[WHAT YOU HAVE TO DO] Where a line in the listing below contains the word "IFCSIUNIT", copy that line.

*** RECORD SET ***

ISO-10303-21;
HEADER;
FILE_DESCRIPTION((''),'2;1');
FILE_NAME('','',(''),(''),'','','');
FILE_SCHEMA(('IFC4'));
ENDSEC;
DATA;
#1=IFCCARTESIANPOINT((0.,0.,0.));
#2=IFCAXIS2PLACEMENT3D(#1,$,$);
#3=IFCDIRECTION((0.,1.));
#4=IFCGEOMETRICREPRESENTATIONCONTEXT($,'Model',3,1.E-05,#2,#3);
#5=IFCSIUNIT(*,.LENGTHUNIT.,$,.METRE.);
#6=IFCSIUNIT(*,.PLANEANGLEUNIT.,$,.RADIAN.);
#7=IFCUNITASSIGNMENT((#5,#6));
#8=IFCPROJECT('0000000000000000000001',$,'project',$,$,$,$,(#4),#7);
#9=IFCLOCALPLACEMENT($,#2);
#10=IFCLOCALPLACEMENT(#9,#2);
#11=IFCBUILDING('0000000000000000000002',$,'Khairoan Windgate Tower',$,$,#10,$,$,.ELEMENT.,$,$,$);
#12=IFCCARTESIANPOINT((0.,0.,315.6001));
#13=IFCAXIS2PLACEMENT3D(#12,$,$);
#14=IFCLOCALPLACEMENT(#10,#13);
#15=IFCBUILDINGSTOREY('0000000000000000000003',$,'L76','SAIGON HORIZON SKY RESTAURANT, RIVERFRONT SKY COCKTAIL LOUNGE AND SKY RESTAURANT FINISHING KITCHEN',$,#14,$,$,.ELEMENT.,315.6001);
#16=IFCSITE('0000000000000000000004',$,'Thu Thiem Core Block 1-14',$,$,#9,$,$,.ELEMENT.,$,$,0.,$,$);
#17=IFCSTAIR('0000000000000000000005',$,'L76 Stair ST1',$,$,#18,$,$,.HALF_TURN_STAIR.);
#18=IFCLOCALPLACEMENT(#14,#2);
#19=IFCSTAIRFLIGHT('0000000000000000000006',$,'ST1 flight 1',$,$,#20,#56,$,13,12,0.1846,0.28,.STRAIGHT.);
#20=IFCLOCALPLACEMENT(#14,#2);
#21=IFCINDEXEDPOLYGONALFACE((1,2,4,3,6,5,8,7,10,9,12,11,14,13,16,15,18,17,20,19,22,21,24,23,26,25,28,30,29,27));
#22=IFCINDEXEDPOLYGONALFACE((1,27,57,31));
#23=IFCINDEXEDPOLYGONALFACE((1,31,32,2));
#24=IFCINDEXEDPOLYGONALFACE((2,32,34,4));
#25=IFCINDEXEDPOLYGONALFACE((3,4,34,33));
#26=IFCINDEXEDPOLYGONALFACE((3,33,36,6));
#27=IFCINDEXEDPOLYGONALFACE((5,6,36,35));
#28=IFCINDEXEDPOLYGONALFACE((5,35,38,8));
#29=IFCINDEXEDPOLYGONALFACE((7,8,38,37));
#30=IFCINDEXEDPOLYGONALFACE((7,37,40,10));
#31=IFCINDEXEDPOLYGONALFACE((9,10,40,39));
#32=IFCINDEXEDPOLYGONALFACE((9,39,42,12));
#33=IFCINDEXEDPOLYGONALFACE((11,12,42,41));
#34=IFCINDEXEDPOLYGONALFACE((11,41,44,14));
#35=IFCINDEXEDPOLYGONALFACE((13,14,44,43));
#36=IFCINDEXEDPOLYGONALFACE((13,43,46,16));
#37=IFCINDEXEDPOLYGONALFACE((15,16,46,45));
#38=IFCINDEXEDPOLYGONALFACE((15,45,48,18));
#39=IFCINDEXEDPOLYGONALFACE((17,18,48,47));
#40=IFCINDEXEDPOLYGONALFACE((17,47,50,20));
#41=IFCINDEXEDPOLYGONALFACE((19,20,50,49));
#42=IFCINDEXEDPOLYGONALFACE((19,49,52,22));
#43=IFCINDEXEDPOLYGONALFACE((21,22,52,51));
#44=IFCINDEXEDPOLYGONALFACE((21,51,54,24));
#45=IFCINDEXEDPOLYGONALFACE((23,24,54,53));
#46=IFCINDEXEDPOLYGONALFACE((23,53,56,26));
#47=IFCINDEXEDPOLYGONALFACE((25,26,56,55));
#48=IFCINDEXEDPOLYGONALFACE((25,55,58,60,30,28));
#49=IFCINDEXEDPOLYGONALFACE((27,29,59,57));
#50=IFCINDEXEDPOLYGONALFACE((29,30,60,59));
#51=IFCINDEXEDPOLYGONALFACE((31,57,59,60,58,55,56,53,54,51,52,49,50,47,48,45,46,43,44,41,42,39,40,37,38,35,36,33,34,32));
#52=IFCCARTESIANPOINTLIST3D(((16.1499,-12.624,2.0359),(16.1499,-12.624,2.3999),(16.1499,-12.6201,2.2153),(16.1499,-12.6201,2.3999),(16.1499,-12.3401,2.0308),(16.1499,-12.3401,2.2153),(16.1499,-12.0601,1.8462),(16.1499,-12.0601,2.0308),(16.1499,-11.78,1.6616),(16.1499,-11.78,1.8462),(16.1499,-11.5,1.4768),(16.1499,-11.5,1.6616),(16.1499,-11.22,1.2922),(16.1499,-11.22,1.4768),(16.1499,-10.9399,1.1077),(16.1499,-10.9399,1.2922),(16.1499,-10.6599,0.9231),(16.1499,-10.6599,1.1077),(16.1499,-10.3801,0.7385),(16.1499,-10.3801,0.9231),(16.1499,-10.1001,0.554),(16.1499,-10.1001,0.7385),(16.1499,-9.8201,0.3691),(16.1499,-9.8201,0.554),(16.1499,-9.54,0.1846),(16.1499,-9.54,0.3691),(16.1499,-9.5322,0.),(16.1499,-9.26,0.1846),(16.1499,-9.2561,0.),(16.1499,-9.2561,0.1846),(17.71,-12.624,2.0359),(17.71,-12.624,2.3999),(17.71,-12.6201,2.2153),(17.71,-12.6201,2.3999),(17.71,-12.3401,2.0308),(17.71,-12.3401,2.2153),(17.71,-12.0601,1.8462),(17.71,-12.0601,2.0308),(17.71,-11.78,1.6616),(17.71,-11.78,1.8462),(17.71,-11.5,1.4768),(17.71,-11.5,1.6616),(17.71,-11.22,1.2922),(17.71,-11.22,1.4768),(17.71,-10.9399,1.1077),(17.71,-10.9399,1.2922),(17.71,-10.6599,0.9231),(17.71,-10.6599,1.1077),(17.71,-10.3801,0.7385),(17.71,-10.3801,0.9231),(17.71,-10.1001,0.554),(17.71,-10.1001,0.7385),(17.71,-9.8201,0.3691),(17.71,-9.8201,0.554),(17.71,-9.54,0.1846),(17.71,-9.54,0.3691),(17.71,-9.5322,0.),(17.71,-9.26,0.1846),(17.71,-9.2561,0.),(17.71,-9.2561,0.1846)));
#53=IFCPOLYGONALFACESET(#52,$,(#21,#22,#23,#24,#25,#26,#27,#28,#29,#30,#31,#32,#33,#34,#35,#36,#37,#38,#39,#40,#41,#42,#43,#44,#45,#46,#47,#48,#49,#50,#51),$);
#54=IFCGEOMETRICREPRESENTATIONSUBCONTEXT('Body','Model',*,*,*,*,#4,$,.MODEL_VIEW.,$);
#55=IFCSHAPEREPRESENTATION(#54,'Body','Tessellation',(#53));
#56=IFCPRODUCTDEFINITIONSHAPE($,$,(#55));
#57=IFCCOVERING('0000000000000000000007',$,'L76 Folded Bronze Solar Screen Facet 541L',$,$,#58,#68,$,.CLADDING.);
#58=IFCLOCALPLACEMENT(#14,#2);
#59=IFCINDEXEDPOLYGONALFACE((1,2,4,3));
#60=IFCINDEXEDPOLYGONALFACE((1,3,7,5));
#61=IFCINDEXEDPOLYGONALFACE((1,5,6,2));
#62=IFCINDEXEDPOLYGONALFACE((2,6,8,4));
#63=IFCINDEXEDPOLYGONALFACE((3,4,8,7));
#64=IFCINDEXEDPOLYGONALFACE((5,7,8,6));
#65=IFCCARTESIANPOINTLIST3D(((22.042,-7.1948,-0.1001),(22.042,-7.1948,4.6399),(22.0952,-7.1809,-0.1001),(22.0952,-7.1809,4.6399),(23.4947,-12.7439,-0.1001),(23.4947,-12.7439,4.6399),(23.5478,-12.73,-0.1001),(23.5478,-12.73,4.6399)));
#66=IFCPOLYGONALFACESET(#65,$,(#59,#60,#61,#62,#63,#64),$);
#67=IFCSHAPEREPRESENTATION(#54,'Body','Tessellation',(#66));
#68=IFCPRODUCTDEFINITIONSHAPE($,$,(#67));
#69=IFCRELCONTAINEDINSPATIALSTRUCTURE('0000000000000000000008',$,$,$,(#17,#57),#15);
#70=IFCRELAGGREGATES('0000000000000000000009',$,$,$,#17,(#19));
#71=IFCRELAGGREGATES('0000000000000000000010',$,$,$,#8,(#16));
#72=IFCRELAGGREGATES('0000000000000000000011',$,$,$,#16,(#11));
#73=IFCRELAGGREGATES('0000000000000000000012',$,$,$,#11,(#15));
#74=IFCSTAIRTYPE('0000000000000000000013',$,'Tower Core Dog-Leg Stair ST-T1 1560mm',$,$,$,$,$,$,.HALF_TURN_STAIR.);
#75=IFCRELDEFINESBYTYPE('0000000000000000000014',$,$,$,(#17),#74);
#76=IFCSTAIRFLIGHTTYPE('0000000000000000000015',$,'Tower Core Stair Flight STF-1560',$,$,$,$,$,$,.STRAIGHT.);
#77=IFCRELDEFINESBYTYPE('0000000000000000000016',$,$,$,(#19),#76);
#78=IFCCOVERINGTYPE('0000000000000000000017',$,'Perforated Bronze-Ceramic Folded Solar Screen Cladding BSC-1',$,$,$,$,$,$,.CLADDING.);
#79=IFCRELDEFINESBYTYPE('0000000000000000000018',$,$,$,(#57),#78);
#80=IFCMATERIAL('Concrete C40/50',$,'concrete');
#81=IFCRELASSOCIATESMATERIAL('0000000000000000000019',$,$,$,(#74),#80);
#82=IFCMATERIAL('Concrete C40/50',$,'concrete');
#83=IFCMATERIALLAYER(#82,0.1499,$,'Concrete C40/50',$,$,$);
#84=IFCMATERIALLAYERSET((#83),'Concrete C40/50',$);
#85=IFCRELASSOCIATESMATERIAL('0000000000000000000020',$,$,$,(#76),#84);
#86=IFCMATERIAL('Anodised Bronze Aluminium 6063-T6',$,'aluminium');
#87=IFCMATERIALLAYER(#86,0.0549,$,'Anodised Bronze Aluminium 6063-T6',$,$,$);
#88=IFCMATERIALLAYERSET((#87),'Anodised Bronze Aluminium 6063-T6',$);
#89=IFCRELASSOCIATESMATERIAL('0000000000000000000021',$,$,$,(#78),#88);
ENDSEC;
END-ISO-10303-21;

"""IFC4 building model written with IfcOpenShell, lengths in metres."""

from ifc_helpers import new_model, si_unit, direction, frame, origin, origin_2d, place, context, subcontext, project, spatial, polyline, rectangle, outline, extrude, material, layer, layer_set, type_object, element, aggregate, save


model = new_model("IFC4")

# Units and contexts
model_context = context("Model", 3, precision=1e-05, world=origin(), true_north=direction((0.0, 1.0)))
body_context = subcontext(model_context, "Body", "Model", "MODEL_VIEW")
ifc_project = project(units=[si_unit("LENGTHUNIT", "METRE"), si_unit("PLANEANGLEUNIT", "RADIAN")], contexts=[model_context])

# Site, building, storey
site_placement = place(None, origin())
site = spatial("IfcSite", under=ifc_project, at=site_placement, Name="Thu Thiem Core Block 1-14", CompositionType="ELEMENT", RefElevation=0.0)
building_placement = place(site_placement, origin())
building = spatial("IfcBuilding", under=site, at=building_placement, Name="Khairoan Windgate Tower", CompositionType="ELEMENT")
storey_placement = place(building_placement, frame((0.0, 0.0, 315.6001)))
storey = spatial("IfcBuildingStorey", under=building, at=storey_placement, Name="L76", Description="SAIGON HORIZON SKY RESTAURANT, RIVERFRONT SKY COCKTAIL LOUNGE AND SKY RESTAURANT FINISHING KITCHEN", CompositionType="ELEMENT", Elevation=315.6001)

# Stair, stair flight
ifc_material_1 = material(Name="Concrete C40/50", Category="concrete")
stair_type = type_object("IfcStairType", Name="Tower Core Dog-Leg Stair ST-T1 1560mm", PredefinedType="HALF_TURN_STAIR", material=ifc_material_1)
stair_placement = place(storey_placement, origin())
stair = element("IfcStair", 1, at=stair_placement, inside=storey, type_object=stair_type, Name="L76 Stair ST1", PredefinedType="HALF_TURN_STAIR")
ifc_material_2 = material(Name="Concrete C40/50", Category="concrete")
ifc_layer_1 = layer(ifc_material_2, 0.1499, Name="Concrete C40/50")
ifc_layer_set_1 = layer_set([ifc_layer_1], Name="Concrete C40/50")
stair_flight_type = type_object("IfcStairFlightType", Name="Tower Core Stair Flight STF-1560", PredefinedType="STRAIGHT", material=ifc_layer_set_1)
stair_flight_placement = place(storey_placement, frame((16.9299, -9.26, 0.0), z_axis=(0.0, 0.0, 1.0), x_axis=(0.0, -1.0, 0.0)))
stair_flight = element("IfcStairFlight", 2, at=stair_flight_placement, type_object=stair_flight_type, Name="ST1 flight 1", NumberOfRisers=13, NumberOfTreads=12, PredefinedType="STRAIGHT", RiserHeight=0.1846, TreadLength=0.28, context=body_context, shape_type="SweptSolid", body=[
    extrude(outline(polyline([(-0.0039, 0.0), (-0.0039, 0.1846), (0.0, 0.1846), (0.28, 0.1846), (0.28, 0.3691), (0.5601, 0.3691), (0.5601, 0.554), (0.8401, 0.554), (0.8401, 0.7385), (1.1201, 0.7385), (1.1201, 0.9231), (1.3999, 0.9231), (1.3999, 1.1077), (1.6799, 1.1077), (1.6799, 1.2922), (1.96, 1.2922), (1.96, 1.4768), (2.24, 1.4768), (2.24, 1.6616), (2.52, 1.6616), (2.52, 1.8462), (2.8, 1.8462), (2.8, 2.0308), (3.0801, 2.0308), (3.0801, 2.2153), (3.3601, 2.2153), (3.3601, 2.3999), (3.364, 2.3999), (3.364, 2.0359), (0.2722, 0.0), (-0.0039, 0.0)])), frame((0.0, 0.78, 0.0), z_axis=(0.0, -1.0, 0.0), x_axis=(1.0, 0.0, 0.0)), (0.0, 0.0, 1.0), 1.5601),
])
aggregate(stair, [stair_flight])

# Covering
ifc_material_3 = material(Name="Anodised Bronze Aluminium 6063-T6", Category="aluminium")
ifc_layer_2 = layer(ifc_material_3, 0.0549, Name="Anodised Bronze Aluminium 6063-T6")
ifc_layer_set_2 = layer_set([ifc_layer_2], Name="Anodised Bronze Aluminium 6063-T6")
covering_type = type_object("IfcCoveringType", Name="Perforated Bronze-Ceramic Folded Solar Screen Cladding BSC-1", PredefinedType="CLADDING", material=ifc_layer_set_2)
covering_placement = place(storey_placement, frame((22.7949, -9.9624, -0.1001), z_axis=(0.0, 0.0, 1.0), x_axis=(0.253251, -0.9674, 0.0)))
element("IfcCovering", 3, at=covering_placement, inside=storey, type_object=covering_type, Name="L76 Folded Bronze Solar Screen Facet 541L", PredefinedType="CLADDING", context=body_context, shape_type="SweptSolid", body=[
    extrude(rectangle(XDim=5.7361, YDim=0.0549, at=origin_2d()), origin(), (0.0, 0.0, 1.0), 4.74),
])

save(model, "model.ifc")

***

[EXERCISE SOLUTION]
#5=IFCSIUNIT(*,.LENGTHUNIT.,$,.METRE.);
#6=IFCSIUNIT(*,.PLANEANGLEUNIT.,$,.RADIAN.);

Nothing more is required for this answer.